START Source material

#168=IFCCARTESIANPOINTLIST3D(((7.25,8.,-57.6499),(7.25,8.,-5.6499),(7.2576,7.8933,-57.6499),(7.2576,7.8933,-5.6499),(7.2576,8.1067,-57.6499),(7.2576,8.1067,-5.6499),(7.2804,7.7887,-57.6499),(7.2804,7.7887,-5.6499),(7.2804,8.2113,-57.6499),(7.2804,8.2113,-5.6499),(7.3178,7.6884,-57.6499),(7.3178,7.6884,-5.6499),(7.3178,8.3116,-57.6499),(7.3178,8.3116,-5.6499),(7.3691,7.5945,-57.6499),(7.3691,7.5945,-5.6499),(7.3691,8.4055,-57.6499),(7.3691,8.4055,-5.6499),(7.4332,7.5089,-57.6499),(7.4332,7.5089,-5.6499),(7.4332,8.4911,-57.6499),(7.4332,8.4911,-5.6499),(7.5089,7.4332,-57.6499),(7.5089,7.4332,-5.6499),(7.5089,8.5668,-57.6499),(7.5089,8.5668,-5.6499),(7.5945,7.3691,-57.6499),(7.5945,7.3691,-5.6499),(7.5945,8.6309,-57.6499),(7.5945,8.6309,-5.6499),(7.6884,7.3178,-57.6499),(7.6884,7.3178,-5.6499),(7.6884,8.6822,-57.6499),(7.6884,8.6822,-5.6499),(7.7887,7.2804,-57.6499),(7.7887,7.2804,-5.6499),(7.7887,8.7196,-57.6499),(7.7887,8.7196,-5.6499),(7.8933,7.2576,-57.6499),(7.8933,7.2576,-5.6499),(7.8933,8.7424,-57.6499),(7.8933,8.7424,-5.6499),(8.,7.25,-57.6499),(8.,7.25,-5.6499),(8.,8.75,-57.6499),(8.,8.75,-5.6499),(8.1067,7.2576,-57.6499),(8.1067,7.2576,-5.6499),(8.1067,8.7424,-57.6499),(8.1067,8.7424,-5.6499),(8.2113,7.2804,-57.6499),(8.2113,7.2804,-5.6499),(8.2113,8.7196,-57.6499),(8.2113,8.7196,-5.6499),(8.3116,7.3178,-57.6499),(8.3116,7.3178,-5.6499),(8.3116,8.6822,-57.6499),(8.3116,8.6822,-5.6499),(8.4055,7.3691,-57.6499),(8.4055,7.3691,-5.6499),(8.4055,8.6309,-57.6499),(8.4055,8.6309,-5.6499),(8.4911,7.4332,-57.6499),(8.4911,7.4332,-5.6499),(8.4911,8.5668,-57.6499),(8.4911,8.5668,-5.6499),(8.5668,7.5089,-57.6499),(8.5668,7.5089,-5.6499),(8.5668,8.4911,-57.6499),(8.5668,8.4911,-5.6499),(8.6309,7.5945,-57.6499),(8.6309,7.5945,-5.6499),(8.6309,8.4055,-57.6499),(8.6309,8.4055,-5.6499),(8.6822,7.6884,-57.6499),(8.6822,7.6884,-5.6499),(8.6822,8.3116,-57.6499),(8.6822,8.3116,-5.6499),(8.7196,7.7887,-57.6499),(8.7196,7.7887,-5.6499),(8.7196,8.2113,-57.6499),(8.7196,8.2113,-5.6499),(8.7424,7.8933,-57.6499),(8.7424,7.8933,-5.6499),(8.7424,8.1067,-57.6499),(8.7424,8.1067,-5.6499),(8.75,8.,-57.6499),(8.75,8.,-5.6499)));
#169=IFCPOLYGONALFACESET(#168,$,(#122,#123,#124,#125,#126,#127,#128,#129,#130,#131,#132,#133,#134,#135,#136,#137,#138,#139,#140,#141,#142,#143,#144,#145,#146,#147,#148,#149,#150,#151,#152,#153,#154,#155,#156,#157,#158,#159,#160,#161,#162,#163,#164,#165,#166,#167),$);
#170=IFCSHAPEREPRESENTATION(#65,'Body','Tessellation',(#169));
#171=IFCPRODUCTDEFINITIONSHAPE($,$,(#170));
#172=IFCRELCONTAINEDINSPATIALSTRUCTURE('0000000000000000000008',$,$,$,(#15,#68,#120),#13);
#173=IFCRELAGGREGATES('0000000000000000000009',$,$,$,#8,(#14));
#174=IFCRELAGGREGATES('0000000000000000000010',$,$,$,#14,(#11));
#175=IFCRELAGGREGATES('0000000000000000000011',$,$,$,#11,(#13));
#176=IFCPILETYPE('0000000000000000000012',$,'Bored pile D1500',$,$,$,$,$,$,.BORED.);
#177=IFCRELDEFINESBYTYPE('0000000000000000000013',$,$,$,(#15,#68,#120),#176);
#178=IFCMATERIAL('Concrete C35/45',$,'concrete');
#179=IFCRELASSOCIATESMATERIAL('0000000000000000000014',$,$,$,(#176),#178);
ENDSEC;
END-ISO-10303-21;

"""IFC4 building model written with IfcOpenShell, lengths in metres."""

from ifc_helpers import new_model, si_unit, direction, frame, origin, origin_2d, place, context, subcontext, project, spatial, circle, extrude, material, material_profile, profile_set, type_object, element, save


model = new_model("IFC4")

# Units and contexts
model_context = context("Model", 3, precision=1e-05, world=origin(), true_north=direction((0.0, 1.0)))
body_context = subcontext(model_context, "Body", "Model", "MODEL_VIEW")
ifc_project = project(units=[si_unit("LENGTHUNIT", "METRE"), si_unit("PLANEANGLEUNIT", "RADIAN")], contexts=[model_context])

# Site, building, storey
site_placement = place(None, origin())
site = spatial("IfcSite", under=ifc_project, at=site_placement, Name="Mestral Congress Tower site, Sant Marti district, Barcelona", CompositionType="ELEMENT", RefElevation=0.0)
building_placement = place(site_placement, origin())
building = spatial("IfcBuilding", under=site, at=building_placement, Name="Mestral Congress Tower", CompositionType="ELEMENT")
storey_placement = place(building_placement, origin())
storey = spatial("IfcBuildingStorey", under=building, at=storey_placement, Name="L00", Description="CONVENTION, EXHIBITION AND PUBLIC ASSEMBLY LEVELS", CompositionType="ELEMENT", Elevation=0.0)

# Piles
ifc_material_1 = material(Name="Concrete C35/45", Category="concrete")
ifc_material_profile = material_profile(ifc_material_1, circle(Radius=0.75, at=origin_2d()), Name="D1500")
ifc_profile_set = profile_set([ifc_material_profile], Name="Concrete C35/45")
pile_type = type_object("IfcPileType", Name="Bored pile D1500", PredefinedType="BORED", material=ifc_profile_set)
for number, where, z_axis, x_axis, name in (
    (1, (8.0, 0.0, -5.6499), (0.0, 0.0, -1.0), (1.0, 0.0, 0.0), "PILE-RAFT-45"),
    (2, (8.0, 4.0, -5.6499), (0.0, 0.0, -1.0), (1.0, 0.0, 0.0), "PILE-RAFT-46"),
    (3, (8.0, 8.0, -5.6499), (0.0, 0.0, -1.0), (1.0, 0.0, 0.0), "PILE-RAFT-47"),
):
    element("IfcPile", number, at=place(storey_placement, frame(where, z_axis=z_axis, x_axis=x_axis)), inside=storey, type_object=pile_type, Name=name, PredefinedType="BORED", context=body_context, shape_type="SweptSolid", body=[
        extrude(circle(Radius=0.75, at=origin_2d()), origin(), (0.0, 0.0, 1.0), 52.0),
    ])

END Source material
START Source material

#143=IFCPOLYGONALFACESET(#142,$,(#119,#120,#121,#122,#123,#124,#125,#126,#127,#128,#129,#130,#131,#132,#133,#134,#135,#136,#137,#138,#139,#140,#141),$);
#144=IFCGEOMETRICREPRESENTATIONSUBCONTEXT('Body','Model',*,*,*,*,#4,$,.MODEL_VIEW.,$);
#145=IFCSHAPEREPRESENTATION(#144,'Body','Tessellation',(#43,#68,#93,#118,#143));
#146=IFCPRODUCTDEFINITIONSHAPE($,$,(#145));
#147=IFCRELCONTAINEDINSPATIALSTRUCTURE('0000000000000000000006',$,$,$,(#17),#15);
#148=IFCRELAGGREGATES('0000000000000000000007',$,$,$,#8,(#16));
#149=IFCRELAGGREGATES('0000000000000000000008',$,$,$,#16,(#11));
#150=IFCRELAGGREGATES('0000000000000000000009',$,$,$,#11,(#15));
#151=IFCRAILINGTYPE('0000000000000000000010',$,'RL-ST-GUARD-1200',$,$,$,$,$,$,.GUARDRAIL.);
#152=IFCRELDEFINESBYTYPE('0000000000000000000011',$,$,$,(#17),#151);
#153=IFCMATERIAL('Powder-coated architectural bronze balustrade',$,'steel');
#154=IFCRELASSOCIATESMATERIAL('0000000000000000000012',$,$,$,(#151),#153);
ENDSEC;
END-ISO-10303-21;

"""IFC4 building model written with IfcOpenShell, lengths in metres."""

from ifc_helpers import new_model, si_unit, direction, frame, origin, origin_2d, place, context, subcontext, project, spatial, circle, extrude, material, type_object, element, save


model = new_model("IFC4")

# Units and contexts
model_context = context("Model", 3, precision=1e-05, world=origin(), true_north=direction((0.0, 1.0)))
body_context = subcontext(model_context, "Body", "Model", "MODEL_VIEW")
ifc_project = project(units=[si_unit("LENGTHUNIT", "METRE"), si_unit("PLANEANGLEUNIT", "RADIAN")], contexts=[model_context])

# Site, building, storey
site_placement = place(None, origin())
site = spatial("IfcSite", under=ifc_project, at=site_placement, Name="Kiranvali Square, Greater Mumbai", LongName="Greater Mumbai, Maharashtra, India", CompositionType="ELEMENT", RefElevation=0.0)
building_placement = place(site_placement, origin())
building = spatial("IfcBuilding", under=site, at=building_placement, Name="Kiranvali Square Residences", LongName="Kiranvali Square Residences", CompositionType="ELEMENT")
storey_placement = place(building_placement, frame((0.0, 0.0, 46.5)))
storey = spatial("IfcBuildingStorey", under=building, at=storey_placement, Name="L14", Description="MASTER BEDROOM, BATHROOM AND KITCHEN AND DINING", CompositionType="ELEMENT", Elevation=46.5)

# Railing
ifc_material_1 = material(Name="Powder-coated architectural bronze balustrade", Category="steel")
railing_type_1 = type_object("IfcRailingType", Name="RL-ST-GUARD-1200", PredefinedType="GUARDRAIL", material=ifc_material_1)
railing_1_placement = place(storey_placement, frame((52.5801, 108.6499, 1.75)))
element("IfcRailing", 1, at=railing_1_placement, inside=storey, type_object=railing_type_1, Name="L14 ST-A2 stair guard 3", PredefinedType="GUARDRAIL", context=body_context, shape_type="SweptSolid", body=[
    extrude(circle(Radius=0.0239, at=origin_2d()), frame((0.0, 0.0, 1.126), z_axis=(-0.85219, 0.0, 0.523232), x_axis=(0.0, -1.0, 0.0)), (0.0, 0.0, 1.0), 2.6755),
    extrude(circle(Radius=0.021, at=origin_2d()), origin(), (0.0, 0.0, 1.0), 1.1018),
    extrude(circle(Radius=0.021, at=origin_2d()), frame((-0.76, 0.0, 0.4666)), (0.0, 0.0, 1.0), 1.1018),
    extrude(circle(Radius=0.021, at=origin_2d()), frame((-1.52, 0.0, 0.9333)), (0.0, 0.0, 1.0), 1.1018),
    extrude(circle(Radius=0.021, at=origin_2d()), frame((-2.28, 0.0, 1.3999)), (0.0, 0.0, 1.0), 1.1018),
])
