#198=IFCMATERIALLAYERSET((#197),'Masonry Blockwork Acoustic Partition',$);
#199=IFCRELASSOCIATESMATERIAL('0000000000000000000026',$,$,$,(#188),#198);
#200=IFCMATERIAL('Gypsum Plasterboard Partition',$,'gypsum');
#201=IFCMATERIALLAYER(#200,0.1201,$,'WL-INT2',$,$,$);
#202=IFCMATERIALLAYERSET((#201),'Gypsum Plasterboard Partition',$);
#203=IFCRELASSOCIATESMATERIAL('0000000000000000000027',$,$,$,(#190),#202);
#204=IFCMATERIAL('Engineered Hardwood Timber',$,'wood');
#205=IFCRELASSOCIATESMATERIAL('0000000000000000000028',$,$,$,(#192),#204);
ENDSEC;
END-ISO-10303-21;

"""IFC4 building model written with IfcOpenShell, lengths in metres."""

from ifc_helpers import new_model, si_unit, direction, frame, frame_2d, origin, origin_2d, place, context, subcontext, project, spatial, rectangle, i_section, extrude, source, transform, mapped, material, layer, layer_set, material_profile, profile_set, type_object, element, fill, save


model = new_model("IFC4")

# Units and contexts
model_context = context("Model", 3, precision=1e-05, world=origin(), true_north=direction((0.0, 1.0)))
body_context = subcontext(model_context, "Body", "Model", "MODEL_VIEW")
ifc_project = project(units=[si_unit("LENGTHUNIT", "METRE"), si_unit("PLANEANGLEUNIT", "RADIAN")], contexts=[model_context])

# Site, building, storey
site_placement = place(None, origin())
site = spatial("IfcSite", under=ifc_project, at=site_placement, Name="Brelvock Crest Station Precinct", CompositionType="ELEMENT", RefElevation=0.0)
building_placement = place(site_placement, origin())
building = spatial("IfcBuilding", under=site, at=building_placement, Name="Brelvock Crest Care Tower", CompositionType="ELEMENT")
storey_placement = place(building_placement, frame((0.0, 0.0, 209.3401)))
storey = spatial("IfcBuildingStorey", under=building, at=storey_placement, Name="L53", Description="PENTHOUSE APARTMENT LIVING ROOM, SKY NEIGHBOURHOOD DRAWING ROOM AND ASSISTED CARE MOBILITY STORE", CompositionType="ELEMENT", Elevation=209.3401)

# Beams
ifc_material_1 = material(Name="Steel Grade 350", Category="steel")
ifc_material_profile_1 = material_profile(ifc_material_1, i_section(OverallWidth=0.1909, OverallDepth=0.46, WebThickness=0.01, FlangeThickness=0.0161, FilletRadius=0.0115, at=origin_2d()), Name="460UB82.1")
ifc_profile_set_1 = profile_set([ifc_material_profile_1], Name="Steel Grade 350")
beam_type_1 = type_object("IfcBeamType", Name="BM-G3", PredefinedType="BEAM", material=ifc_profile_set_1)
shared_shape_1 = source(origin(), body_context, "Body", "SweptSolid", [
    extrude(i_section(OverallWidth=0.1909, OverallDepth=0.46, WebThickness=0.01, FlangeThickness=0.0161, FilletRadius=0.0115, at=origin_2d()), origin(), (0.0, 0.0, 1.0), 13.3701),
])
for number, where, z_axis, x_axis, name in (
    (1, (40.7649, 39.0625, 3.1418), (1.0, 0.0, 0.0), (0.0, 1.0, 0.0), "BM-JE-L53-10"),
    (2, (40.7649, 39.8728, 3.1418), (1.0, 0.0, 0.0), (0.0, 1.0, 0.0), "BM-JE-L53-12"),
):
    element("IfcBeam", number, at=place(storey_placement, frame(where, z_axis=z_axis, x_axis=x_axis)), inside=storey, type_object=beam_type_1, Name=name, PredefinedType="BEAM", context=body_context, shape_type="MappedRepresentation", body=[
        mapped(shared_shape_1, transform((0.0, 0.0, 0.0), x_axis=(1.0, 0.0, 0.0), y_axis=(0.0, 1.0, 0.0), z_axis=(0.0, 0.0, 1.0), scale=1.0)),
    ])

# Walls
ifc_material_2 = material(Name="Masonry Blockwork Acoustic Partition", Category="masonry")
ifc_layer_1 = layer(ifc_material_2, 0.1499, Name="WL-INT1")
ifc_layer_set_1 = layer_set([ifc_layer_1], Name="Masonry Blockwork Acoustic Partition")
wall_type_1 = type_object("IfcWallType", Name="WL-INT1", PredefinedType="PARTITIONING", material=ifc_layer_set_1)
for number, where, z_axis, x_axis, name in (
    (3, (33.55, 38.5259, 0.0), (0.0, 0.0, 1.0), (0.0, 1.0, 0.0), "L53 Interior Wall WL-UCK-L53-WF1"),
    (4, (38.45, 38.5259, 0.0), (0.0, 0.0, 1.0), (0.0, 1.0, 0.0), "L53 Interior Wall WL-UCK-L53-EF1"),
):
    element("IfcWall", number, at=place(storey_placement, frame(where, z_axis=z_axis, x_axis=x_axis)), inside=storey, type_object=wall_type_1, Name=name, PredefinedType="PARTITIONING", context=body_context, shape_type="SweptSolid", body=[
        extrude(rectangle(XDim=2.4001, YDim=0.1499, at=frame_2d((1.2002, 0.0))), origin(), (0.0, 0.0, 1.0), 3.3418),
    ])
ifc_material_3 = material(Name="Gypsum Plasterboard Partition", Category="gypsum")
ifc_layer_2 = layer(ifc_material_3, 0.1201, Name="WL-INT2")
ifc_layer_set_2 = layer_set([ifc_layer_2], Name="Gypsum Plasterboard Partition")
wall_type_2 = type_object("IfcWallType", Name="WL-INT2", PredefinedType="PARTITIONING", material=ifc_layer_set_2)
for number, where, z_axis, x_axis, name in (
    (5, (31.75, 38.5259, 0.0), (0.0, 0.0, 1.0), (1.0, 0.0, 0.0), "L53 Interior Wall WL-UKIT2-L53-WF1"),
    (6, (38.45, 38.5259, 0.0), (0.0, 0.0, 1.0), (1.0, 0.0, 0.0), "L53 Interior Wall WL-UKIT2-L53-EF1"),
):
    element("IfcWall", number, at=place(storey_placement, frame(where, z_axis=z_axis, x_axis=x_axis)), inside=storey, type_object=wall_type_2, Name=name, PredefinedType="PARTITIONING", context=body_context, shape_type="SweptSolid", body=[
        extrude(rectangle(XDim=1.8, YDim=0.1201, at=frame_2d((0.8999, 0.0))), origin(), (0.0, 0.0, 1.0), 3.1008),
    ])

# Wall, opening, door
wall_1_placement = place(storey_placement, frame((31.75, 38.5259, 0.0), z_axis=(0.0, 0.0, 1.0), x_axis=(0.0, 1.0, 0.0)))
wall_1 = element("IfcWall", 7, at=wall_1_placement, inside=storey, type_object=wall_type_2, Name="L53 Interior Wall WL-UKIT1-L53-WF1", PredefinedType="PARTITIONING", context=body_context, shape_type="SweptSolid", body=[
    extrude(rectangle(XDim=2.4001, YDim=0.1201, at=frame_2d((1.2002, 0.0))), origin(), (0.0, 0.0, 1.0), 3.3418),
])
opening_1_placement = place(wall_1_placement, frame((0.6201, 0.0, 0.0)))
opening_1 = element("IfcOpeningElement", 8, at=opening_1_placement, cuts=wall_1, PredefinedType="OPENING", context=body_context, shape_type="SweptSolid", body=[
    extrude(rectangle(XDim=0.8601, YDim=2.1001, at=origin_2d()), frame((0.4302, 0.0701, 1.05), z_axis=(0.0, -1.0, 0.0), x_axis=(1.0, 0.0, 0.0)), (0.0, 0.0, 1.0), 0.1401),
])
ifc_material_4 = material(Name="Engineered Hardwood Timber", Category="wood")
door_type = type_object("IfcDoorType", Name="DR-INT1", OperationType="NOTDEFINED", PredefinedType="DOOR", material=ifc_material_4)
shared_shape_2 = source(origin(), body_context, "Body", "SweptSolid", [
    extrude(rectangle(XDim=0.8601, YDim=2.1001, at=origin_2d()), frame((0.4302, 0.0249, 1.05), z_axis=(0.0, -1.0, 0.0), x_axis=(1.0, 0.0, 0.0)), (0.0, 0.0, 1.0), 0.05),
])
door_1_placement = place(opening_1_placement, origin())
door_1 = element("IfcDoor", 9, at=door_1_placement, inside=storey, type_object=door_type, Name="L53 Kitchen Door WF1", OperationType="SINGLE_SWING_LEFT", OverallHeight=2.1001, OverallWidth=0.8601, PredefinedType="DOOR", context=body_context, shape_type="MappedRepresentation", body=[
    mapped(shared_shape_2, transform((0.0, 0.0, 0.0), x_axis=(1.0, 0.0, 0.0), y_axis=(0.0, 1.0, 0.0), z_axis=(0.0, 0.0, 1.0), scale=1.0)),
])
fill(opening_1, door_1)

END Source material
START Source material

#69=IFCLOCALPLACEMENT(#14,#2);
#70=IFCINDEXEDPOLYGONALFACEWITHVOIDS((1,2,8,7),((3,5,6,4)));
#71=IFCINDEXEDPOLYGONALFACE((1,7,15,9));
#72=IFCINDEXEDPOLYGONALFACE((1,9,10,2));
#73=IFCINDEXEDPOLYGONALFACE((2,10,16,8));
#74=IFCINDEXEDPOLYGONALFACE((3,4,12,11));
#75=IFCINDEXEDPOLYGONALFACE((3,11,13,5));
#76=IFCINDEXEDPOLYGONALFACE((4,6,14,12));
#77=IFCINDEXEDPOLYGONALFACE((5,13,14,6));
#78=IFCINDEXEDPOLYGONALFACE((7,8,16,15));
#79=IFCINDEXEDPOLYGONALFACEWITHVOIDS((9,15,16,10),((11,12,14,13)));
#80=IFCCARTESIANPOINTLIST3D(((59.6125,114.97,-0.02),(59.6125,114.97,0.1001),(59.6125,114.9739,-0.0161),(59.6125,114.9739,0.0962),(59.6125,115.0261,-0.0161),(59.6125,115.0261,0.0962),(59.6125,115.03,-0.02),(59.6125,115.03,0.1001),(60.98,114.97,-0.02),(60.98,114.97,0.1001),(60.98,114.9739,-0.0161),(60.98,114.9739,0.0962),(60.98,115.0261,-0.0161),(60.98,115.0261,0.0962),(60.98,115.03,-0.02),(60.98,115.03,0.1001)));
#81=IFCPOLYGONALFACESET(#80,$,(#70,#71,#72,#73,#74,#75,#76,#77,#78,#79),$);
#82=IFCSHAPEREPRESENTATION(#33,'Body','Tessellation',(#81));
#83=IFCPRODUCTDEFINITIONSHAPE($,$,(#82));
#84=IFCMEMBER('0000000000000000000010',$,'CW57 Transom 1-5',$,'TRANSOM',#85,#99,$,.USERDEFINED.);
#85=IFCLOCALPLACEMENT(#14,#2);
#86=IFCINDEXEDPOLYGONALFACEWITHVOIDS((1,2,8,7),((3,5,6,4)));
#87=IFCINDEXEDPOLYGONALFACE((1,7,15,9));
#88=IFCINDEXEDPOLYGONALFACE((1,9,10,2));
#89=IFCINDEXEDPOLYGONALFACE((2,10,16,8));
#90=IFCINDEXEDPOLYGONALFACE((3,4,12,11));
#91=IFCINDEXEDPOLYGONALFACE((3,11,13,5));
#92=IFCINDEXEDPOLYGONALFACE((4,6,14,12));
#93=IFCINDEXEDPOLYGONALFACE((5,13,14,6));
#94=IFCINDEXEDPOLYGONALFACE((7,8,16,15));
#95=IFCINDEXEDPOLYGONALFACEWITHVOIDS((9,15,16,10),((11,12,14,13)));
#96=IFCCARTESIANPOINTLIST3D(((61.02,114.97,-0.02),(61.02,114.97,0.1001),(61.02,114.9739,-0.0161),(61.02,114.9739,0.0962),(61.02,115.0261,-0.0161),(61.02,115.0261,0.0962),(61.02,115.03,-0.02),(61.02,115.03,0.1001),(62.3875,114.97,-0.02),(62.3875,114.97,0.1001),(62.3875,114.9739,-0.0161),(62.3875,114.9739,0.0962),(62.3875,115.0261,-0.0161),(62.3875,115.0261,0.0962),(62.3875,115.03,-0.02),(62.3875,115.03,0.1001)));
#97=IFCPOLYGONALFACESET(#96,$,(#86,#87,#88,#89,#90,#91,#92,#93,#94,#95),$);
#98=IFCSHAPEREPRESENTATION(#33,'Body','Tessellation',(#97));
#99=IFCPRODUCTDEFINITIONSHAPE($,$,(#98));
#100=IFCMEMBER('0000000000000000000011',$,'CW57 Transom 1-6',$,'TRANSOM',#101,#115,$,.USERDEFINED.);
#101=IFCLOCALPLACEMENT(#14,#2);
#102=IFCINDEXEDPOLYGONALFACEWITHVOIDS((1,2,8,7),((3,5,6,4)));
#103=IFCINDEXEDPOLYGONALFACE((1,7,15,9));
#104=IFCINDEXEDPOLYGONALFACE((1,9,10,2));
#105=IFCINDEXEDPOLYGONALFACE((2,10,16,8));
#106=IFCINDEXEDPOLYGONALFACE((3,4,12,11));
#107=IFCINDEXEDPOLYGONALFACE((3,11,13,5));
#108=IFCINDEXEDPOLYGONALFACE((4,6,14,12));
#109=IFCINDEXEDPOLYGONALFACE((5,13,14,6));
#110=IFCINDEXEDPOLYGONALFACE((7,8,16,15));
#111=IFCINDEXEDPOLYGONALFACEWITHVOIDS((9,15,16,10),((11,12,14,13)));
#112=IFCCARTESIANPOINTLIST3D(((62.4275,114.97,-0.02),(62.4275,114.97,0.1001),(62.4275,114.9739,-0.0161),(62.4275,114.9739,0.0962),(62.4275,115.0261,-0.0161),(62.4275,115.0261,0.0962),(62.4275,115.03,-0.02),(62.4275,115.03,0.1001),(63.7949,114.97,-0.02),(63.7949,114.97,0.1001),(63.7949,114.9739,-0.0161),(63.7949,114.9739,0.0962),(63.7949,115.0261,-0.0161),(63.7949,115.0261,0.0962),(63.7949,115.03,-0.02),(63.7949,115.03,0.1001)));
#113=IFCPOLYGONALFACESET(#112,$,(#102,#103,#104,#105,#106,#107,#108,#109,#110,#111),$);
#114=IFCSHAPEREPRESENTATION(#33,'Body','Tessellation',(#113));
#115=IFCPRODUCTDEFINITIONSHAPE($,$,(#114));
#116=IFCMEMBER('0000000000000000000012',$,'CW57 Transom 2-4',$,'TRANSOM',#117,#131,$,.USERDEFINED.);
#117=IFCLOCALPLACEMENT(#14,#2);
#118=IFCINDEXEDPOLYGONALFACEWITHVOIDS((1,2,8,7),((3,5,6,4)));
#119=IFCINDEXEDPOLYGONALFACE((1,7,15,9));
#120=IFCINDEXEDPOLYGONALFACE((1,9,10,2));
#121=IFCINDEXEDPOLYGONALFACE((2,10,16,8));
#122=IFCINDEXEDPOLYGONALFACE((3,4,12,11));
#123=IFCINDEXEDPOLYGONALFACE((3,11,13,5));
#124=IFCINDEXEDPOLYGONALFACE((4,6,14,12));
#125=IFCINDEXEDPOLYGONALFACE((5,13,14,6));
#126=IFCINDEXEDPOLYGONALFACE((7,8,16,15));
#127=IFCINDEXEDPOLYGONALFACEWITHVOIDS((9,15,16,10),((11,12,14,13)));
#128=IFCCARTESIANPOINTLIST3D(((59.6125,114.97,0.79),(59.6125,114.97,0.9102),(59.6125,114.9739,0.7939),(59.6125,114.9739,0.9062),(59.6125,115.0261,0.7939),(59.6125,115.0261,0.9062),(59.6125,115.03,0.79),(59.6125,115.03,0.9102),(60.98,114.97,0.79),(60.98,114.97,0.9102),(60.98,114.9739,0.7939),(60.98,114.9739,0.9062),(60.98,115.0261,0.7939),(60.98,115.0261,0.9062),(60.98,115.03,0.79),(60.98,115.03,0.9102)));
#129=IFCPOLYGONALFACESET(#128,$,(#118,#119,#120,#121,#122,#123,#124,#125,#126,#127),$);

END Source material

▶ [Problem to solve] What lines in the entries above include the string "IfcSite"? Return each one.

▶ [Task result]
site = spatial("IfcSite", under=ifc_project, at=site_placement, Name="Mestral Congress Tower site, Sant Marti district, Barcelona", CompositionType="ELEMENT", RefElevation=0.0)
site = spatial("IfcSite", under=ifc_project, at=site_placement, Name="Kiranvali Square, Greater Mumbai", LongName="Greater Mumbai, Maharashtra, India", CompositionType="ELEMENT", RefElevation=0.0)
site = spatial("IfcSite", under=ifc_project, at=site_placement, Name="Brelvock Crest Station Precinct", CompositionType="ELEMENT", RefElevation=0.0)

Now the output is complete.